● **Material for the task**
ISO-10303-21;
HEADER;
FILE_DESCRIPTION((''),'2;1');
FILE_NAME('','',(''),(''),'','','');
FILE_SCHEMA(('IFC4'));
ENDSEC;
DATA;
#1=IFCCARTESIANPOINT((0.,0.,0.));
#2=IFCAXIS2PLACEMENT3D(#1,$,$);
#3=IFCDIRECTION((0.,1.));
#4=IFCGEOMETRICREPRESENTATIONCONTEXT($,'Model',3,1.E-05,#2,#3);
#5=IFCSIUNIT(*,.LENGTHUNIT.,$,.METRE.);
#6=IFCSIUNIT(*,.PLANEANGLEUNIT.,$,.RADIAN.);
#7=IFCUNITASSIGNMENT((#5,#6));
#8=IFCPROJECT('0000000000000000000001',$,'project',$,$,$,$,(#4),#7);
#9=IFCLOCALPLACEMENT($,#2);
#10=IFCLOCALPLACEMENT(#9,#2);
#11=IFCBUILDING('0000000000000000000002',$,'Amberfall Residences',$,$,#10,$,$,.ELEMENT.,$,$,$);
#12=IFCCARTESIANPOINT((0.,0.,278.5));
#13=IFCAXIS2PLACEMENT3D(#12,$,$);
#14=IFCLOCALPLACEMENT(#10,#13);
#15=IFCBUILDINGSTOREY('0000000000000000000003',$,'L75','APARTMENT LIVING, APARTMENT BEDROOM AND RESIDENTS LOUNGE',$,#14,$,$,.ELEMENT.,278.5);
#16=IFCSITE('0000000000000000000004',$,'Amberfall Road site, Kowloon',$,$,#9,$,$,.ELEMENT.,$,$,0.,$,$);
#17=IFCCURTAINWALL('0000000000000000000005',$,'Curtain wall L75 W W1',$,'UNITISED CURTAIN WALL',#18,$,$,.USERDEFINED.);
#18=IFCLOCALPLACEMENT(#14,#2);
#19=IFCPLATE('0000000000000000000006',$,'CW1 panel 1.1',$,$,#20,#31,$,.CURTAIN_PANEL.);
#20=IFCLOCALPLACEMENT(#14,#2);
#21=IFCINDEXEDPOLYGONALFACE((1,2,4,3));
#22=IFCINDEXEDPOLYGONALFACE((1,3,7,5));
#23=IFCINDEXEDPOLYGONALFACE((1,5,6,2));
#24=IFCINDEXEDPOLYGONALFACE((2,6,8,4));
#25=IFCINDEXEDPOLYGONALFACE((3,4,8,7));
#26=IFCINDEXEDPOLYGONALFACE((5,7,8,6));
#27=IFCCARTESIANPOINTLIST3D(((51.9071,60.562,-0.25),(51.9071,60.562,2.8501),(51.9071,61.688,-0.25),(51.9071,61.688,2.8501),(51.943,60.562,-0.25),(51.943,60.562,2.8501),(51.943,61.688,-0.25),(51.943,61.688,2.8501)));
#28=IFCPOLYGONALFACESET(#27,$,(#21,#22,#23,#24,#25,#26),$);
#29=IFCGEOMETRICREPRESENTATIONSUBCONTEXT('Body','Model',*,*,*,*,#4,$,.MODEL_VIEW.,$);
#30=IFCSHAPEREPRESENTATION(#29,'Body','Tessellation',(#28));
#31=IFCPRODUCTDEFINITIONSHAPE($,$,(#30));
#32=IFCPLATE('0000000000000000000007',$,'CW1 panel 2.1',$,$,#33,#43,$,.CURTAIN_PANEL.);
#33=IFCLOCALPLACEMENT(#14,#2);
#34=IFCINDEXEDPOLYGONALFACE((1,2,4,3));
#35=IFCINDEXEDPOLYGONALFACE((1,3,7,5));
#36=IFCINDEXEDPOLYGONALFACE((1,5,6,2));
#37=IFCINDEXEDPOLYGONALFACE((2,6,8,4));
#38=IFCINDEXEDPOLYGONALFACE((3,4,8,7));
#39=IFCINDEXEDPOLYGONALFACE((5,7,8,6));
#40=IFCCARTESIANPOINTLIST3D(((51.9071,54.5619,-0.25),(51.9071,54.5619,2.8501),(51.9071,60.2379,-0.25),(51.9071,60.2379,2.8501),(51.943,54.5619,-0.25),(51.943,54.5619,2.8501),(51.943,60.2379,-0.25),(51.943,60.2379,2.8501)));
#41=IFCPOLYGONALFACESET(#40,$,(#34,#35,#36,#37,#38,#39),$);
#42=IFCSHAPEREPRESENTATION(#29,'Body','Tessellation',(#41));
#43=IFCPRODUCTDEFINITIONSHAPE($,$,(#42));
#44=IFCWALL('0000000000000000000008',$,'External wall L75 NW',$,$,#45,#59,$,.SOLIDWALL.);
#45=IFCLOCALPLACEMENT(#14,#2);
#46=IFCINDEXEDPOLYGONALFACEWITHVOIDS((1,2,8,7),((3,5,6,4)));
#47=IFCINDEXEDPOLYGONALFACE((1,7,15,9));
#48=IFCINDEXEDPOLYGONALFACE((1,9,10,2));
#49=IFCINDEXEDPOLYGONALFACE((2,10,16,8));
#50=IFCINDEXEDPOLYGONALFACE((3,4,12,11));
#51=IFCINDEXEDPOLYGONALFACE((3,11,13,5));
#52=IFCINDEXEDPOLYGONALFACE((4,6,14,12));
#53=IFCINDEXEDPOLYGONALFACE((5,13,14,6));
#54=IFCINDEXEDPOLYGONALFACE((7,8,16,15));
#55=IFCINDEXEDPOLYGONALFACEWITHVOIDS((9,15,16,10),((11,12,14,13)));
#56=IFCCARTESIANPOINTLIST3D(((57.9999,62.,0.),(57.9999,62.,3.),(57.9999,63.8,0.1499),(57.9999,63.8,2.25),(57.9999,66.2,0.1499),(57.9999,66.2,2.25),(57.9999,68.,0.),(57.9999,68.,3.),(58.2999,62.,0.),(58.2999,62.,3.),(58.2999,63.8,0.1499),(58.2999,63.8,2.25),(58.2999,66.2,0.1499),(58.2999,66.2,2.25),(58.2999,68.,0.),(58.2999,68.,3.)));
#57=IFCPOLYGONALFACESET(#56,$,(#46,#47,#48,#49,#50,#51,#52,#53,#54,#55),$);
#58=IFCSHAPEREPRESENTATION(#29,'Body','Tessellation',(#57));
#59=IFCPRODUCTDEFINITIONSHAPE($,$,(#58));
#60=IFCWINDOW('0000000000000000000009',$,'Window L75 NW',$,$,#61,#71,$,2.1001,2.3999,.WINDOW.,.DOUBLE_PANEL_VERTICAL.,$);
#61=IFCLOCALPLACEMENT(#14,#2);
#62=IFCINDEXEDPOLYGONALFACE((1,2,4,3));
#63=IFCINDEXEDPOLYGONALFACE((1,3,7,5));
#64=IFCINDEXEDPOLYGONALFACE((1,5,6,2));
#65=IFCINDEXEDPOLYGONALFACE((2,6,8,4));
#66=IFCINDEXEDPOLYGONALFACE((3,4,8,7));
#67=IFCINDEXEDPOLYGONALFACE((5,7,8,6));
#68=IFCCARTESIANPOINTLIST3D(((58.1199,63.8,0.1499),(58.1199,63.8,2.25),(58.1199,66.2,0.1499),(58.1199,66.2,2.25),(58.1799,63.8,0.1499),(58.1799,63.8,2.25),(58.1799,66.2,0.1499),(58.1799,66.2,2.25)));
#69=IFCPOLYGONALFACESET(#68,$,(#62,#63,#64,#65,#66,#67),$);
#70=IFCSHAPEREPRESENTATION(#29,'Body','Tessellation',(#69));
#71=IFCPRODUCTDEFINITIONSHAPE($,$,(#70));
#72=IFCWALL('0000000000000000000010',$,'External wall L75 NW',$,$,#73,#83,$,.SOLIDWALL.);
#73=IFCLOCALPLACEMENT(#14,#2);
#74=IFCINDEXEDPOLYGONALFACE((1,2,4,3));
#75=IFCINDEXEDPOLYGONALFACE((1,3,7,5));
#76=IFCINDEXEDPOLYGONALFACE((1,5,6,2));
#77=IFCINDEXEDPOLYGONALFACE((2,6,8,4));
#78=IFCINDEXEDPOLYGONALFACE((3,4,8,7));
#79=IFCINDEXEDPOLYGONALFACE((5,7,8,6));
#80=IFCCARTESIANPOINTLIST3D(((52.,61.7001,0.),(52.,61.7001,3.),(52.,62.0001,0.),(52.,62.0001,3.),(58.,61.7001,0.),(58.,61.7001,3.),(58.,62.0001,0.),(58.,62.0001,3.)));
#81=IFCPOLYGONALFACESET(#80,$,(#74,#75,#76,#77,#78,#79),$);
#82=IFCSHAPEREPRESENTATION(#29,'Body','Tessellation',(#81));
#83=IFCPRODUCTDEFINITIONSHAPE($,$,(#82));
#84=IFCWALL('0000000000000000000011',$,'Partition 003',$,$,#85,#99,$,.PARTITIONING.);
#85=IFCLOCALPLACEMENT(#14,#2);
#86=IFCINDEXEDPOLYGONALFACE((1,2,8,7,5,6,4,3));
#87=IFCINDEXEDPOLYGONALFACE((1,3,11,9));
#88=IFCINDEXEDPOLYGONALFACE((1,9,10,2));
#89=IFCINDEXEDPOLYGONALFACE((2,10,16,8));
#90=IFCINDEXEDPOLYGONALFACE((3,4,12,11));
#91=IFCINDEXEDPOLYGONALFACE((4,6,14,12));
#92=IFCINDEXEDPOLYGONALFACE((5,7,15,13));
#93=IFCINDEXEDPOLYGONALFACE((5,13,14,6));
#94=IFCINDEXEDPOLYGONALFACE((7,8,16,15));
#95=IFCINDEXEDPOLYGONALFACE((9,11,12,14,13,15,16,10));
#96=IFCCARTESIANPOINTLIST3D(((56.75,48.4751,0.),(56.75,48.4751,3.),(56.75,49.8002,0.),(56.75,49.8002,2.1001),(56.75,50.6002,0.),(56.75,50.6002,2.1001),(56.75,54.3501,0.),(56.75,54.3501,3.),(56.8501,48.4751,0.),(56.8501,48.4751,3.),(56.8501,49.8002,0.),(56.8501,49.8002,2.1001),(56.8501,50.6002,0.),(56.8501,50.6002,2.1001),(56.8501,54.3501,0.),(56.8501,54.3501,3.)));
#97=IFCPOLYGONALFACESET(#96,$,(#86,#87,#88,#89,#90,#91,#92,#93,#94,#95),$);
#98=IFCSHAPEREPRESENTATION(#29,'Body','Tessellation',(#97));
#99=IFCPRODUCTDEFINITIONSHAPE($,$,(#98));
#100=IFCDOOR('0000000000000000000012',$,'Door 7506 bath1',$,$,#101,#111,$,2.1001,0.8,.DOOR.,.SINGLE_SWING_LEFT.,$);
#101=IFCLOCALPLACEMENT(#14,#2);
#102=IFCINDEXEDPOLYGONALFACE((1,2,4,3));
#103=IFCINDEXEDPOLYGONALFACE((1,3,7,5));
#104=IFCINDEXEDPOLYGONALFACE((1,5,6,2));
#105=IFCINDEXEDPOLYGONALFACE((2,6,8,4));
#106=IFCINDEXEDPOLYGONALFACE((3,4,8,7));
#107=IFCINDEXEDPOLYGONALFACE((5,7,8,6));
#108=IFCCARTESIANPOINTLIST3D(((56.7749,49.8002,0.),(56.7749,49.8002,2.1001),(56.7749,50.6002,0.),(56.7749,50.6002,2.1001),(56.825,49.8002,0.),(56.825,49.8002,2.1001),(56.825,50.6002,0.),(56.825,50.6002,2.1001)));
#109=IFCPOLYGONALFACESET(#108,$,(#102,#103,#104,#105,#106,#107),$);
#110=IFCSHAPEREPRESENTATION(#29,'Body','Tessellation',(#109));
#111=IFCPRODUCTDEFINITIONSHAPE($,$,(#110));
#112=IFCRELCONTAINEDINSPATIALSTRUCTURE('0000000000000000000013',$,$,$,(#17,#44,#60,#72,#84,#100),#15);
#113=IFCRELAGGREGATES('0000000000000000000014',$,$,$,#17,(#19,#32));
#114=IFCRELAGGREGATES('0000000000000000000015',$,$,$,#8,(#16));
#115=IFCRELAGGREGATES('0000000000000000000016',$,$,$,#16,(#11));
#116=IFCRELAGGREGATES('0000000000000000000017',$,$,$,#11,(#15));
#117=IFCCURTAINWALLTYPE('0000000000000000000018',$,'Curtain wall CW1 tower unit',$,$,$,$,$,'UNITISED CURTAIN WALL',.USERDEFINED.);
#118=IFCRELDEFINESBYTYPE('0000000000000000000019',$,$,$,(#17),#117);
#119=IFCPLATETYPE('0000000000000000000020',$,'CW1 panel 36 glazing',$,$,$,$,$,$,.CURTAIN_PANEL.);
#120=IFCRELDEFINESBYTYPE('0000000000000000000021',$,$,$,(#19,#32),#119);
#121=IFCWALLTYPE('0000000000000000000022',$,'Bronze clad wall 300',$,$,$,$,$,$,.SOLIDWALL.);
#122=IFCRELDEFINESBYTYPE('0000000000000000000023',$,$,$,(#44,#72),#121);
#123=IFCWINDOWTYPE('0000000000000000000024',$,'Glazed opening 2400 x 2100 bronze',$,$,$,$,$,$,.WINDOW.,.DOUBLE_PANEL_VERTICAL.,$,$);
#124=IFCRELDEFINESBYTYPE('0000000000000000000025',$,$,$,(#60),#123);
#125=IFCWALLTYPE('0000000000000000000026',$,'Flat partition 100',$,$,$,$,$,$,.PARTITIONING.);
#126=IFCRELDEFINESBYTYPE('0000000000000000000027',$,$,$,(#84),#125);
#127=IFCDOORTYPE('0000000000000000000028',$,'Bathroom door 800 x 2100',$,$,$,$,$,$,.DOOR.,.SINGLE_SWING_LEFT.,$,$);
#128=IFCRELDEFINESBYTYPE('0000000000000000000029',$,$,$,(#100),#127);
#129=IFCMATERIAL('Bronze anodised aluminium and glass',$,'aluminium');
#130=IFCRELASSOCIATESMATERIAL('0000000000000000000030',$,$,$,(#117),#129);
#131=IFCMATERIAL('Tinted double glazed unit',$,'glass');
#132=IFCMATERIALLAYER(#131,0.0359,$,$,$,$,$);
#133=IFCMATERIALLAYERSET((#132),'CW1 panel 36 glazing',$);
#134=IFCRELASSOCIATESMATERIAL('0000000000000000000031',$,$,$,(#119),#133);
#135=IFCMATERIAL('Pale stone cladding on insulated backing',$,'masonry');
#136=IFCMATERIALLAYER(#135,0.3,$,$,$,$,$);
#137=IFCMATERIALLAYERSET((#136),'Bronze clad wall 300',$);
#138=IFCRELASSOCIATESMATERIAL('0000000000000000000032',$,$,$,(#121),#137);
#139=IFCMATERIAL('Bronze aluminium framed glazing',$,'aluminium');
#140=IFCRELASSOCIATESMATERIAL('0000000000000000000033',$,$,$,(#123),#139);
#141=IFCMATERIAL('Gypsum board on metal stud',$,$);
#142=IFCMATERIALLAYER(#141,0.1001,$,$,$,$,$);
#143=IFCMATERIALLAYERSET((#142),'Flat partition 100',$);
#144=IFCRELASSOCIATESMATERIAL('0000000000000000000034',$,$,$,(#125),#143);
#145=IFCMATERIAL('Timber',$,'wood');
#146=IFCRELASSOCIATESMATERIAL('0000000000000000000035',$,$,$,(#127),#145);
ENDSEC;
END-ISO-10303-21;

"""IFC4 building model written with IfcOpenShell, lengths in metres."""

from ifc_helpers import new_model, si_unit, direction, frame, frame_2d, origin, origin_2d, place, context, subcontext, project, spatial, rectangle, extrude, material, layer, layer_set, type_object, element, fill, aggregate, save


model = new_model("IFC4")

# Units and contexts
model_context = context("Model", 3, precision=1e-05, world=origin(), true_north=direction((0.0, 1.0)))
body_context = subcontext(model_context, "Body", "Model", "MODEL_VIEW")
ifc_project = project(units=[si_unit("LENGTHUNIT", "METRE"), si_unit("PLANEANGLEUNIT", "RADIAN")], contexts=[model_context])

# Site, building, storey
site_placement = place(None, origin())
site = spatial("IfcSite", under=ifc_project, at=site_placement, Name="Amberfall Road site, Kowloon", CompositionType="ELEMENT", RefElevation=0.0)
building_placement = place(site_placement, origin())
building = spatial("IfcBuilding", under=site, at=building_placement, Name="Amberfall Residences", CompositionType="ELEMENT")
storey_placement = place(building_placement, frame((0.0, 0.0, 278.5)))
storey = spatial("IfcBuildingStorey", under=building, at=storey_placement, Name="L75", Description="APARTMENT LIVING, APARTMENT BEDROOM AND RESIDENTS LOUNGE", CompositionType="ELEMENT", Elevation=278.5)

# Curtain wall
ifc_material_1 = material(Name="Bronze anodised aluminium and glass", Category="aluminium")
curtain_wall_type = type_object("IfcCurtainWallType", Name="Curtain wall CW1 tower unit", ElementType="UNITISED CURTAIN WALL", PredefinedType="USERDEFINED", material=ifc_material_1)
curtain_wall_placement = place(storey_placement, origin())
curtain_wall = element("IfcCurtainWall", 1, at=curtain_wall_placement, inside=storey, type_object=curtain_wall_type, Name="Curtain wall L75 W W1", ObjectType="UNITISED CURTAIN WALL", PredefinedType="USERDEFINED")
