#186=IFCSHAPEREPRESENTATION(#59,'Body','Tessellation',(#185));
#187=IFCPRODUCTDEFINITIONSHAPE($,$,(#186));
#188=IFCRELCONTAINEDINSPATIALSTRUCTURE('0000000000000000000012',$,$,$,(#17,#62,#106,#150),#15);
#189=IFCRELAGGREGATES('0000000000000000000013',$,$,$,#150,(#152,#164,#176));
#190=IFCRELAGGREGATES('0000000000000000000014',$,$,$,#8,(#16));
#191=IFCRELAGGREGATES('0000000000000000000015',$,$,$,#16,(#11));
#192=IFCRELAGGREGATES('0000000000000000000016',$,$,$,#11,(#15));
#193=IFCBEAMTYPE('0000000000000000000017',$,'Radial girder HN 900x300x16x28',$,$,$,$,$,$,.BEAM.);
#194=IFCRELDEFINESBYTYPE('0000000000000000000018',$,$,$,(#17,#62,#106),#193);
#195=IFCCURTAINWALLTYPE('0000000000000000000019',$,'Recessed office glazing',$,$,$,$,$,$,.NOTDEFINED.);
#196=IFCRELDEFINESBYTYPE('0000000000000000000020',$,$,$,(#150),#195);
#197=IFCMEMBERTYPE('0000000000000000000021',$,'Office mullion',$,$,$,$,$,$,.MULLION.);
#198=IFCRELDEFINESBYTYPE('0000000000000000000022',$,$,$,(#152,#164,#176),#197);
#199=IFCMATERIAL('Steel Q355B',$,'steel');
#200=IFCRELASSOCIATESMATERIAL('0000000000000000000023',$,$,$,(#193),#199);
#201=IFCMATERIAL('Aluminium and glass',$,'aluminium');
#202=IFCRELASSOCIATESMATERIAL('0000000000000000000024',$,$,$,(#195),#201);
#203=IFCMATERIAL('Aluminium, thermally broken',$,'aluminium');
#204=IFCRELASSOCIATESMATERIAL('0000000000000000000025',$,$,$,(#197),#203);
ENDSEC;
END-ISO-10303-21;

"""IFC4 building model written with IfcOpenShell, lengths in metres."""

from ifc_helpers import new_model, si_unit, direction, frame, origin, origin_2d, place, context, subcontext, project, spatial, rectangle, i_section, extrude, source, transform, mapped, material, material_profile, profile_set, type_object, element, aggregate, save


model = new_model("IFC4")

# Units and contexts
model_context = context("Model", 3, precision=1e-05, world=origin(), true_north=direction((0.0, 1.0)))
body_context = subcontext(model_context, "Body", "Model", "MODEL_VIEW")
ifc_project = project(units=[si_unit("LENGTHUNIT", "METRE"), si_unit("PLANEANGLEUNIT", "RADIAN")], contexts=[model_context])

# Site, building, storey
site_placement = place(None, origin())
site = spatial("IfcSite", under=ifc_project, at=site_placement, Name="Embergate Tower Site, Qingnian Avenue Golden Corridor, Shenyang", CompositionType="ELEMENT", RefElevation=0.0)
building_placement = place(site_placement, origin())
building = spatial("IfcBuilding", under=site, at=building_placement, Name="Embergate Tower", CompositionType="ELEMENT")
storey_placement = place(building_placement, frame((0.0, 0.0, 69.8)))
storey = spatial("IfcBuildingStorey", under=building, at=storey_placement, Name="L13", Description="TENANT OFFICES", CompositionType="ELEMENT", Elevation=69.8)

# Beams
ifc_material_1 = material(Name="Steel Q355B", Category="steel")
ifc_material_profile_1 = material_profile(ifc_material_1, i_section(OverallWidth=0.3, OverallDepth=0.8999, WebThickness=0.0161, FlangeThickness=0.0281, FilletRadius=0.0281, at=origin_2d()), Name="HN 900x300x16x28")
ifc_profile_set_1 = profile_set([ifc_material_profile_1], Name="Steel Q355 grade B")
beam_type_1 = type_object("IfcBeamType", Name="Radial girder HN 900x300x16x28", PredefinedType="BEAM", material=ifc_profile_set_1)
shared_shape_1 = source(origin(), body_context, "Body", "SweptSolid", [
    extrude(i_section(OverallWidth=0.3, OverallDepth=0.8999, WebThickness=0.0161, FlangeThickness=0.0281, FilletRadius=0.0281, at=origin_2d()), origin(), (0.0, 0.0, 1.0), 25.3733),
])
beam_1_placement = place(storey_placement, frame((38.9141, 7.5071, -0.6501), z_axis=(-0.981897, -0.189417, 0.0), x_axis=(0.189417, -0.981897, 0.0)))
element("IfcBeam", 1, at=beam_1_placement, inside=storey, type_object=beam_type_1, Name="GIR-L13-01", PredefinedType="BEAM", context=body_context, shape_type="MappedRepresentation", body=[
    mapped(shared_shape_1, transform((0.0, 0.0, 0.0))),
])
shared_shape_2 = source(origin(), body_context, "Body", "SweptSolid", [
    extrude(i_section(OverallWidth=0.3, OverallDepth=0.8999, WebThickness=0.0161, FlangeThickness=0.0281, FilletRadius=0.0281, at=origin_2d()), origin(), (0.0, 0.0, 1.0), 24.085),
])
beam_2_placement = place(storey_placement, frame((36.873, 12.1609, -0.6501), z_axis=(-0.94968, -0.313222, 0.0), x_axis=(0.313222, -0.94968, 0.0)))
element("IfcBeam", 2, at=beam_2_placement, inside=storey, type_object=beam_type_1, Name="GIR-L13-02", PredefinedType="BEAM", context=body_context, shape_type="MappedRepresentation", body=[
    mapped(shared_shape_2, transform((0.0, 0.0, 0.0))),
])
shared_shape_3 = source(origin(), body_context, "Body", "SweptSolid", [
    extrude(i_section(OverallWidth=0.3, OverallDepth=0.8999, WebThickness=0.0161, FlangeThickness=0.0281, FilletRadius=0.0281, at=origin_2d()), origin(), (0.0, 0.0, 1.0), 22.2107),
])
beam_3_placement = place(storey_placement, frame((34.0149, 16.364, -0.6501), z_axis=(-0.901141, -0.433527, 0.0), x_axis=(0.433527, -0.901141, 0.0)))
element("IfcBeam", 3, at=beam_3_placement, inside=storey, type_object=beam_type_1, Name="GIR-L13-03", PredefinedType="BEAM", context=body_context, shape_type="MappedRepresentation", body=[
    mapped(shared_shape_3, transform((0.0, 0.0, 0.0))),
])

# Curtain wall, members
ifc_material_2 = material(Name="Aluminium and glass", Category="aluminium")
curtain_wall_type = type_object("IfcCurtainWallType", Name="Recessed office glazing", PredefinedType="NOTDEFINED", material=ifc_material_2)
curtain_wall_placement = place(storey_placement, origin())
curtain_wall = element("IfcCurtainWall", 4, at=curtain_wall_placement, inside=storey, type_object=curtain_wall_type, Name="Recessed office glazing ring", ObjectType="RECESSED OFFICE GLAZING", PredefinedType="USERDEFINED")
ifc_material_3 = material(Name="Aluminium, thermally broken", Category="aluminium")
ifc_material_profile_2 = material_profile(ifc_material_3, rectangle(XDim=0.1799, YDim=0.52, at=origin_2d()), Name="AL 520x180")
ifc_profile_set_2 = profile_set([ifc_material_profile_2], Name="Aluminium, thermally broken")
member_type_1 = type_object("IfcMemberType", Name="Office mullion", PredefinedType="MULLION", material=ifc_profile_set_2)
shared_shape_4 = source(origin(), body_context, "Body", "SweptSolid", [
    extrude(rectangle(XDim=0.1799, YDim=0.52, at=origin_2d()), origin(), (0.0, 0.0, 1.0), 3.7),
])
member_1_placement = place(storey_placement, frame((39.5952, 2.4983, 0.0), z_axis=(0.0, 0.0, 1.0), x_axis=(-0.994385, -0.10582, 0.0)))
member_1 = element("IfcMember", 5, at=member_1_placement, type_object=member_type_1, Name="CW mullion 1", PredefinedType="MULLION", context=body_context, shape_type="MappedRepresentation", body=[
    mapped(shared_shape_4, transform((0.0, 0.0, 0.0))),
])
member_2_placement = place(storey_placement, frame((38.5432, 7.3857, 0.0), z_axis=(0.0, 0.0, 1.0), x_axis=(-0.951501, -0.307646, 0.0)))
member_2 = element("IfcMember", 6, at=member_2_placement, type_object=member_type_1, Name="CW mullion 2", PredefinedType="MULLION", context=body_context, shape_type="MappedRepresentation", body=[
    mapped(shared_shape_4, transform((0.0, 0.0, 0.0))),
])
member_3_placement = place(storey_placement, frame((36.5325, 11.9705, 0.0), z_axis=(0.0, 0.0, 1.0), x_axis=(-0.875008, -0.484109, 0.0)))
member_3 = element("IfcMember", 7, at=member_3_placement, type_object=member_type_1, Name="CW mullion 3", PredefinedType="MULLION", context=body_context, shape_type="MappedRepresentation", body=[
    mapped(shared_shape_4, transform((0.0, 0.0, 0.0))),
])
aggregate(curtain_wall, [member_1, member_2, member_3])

● **Problem description**
Go through the material above and report each line containing "IFCMATERIALLAYERSET".

● **Exercise solution**
#133=IFCMATERIALLAYERSET((#132),'CW1 panel 36 glazing',$);
#137=IFCMATERIALLAYERSET((#136),'Bronze clad wall 300',$);
#143=IFCMATERIALLAYERSET((#142),'Flat partition 100',$);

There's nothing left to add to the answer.